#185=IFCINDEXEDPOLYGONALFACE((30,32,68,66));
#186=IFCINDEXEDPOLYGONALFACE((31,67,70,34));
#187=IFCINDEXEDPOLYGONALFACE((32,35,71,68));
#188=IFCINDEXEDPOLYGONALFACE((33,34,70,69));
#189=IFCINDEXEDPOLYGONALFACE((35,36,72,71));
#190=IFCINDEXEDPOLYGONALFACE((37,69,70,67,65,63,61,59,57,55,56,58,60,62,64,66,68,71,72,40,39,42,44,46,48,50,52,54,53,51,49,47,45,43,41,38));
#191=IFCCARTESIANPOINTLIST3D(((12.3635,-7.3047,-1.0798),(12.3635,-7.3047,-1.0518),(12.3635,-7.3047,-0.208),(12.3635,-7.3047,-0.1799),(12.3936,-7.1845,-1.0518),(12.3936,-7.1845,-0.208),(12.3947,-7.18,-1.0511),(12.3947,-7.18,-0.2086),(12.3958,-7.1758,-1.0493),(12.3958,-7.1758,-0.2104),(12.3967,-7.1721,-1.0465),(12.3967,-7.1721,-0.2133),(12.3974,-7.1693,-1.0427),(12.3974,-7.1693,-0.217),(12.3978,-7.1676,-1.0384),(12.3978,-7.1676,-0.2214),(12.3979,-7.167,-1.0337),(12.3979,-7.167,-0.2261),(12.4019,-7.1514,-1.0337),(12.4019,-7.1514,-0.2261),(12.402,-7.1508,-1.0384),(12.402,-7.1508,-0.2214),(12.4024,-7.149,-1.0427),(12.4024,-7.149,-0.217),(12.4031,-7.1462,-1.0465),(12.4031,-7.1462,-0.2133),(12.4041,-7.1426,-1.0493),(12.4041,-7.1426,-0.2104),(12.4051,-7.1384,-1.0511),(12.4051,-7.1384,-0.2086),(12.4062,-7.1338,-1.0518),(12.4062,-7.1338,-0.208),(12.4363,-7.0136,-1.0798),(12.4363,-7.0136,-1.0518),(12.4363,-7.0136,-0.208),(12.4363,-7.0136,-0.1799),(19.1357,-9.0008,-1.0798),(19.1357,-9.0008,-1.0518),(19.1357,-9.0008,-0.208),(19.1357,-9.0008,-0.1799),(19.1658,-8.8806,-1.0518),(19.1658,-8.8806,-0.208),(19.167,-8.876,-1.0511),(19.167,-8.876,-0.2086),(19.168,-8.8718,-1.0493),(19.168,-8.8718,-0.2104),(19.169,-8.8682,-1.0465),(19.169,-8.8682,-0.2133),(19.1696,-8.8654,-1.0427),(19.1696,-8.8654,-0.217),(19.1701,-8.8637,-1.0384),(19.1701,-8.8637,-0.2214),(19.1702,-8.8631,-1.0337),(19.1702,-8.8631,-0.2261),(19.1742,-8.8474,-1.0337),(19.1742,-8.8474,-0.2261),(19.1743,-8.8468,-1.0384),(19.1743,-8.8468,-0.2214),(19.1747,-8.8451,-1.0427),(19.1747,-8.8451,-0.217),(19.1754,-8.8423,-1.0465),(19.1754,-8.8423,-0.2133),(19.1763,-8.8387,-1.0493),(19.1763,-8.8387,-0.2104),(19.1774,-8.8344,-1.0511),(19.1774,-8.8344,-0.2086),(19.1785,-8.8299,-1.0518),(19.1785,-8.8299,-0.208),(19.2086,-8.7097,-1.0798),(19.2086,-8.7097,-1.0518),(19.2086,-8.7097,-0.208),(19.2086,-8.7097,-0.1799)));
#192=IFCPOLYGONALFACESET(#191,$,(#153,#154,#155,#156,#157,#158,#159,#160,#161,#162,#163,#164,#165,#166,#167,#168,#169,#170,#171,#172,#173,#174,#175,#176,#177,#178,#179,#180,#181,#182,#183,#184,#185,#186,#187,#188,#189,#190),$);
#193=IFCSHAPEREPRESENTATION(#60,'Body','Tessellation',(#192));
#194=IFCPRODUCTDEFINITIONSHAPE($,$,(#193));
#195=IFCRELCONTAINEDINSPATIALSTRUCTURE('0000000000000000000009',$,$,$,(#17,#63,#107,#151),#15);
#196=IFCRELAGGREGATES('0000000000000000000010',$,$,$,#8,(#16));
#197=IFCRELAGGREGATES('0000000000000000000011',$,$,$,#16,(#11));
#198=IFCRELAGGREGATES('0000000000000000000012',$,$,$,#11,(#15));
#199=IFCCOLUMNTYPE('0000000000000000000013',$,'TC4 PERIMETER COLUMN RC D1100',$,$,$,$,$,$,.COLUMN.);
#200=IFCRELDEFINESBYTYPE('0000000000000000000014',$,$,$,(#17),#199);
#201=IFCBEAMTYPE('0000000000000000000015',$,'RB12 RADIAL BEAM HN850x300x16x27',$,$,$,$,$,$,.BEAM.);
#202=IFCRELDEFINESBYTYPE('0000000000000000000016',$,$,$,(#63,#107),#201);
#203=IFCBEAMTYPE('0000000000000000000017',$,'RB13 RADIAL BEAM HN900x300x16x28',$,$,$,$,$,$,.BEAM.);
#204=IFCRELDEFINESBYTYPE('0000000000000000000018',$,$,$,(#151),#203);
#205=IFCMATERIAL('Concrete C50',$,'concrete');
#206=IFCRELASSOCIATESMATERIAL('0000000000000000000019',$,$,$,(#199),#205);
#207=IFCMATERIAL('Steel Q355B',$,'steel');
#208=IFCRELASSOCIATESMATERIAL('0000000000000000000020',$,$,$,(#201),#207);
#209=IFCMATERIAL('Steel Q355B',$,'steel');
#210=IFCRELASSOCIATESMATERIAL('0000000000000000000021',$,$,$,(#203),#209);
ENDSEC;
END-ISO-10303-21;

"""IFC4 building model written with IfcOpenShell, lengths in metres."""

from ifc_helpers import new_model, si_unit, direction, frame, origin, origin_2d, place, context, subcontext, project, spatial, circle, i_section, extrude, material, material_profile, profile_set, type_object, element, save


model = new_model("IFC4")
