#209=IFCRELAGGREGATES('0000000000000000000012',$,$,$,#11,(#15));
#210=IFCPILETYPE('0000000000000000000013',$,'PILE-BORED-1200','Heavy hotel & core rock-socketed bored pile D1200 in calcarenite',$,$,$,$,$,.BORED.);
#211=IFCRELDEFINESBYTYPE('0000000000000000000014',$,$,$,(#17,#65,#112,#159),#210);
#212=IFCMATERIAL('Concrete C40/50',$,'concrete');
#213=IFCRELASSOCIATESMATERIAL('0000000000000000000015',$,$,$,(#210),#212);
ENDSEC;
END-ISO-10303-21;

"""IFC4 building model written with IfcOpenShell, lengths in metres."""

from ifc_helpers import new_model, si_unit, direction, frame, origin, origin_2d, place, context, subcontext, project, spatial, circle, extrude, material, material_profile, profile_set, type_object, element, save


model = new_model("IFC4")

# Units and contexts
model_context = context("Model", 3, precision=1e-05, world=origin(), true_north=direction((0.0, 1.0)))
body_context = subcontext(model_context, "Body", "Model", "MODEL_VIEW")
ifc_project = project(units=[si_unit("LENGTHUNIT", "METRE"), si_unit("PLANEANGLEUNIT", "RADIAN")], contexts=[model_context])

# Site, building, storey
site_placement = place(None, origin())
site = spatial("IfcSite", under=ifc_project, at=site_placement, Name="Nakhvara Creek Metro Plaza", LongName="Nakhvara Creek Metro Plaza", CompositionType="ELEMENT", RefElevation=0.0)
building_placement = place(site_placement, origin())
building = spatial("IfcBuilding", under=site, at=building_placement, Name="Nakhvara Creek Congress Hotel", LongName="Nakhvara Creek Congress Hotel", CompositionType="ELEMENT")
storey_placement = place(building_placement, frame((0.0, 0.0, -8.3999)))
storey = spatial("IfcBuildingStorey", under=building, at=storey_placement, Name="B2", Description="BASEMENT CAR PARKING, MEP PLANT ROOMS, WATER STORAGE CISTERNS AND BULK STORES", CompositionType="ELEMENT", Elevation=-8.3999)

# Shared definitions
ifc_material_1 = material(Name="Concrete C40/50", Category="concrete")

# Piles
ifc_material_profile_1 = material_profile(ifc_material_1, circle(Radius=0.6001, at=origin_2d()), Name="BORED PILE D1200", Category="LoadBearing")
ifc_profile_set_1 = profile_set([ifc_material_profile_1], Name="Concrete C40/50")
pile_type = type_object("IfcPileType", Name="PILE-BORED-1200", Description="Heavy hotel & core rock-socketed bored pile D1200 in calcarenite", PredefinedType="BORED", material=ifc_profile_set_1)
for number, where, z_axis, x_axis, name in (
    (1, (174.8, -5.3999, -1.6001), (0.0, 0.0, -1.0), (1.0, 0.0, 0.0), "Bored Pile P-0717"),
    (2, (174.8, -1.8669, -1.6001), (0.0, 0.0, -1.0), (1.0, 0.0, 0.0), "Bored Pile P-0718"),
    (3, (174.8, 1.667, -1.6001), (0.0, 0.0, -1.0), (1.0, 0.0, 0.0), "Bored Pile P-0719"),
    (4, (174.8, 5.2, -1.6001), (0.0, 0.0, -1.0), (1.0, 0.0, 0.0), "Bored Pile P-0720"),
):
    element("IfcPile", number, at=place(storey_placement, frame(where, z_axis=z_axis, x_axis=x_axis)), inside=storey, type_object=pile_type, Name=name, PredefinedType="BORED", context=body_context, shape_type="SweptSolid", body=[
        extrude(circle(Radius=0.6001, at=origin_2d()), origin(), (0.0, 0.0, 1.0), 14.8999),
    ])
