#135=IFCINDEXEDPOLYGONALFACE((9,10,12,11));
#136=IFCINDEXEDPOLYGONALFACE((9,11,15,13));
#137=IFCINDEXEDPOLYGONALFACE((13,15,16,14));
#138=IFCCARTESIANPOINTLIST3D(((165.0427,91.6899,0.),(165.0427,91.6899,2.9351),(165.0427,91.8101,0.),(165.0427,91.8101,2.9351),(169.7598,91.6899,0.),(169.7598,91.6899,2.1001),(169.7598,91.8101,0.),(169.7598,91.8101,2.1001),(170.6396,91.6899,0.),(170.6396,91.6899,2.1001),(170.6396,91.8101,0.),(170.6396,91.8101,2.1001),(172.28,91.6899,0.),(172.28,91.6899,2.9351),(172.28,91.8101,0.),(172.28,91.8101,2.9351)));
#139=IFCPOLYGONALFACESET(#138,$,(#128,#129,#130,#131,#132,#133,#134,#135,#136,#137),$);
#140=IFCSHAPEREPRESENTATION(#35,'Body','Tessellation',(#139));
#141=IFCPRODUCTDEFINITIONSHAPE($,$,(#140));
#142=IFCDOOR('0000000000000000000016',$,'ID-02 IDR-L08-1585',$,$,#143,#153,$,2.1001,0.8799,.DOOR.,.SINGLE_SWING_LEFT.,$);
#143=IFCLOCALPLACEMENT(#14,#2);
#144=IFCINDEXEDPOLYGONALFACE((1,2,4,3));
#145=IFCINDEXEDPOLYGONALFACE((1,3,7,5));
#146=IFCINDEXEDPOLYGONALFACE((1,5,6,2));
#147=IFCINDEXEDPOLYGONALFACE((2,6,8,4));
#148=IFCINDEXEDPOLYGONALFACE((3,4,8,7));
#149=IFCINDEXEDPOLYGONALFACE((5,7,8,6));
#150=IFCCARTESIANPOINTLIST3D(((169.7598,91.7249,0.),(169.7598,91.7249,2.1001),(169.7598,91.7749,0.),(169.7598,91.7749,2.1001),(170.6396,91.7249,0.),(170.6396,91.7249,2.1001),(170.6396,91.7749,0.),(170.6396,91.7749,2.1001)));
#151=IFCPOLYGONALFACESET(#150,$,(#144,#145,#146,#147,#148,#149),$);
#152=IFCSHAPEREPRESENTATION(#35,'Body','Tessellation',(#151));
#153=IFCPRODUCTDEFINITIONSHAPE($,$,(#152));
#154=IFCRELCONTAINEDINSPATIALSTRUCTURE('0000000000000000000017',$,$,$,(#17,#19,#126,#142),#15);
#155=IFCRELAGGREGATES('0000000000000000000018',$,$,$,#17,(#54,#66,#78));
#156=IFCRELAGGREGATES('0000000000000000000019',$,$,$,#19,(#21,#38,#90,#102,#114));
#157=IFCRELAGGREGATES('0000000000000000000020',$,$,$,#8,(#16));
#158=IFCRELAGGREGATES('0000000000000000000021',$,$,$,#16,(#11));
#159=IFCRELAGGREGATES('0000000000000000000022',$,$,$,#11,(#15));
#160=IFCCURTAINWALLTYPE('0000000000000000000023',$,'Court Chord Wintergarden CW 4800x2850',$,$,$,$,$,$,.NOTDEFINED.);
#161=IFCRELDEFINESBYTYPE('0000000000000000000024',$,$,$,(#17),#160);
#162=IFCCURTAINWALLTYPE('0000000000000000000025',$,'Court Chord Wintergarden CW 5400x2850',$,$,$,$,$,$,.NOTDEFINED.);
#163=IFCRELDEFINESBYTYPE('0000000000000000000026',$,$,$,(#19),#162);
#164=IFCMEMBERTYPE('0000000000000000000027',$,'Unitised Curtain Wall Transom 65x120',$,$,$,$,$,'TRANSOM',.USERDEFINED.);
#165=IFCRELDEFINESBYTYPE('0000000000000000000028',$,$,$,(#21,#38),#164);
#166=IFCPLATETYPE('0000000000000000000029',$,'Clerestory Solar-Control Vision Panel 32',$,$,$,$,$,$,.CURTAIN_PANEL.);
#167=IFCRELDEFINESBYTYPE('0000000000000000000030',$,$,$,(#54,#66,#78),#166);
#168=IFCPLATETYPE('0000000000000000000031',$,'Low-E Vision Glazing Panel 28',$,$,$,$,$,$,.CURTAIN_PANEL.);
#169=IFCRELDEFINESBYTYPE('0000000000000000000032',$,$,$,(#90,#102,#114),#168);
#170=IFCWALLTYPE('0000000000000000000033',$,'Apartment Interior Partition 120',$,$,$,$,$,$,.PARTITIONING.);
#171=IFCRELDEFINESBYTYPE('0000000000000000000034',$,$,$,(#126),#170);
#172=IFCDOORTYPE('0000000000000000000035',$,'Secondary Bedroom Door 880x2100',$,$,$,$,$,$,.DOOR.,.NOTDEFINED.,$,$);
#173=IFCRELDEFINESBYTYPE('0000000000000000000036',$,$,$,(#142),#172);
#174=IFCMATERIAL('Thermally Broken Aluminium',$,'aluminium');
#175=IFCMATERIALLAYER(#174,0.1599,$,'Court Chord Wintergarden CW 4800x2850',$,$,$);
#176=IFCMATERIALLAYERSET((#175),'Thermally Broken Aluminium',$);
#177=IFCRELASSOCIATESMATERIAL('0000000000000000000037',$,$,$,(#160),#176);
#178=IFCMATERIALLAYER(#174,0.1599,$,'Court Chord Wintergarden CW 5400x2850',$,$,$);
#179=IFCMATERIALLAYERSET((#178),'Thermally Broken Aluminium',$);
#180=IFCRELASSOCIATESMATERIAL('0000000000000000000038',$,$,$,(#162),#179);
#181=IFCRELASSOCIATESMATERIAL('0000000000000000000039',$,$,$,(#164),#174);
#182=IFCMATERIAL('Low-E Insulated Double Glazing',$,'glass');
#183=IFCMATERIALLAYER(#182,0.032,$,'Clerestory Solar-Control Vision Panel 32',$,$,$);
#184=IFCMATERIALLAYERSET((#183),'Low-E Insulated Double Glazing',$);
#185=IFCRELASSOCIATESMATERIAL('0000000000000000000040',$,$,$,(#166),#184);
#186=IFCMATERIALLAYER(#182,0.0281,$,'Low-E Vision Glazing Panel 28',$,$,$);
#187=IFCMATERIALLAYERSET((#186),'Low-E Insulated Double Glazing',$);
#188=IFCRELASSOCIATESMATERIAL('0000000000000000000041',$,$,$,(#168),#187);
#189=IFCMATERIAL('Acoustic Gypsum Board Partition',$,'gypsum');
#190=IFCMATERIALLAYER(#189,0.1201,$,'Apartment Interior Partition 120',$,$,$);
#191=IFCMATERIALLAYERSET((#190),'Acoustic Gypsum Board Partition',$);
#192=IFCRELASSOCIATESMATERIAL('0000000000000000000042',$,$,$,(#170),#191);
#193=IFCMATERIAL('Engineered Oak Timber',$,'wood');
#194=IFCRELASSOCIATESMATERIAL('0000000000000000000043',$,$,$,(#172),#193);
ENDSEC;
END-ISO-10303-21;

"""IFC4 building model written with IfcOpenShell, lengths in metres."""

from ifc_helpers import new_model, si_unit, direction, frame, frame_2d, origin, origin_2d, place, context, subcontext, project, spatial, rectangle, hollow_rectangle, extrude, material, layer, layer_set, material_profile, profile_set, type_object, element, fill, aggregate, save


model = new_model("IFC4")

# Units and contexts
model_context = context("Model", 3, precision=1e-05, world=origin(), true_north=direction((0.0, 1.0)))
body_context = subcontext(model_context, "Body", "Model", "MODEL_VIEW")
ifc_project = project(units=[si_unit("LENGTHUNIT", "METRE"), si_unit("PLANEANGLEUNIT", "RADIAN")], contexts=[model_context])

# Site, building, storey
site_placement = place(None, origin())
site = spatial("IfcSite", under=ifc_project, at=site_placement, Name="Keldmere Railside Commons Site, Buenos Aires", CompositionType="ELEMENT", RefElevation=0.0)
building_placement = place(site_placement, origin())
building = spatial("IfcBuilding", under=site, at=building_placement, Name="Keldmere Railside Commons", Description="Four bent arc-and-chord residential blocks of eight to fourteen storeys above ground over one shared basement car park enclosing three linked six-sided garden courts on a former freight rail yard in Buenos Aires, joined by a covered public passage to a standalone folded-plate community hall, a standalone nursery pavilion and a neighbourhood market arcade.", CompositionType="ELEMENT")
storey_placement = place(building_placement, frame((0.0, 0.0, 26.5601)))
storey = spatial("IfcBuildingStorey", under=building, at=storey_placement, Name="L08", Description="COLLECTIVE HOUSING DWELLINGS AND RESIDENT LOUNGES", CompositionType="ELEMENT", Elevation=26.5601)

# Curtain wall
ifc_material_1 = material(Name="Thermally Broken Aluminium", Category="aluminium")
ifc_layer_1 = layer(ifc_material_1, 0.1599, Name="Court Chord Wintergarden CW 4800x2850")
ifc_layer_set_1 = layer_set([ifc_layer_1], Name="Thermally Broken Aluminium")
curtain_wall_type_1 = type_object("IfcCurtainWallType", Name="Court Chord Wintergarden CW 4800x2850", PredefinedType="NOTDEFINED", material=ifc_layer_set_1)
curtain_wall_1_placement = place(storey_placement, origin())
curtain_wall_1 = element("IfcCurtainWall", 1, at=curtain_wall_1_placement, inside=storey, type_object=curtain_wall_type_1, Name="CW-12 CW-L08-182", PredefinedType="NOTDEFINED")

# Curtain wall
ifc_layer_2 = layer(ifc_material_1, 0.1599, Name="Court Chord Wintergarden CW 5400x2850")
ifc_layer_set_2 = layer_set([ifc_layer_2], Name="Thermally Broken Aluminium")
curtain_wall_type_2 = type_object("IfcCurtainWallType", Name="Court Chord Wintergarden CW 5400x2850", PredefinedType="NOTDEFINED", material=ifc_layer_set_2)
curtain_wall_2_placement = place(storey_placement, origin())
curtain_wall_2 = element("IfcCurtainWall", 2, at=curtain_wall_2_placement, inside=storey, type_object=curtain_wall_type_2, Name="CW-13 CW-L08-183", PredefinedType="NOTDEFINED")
- - - - -
GOAL OF THE EXERCISE:
If a line in the data above holds the string "Category", copy it.

OUTPUT FOR THIS TASK:
ifc_material_1 = material(Name="Concrete C40/50", Category="concrete")
ifc_material_profile_1 = material_profile(ifc_material_1, circle(Radius=0.6001, at=origin_2d()), Name="BORED PILE D1200", Category="LoadBearing")
ifc_material_1 = material(Name="Thermally Broken Aluminium", Category="aluminium")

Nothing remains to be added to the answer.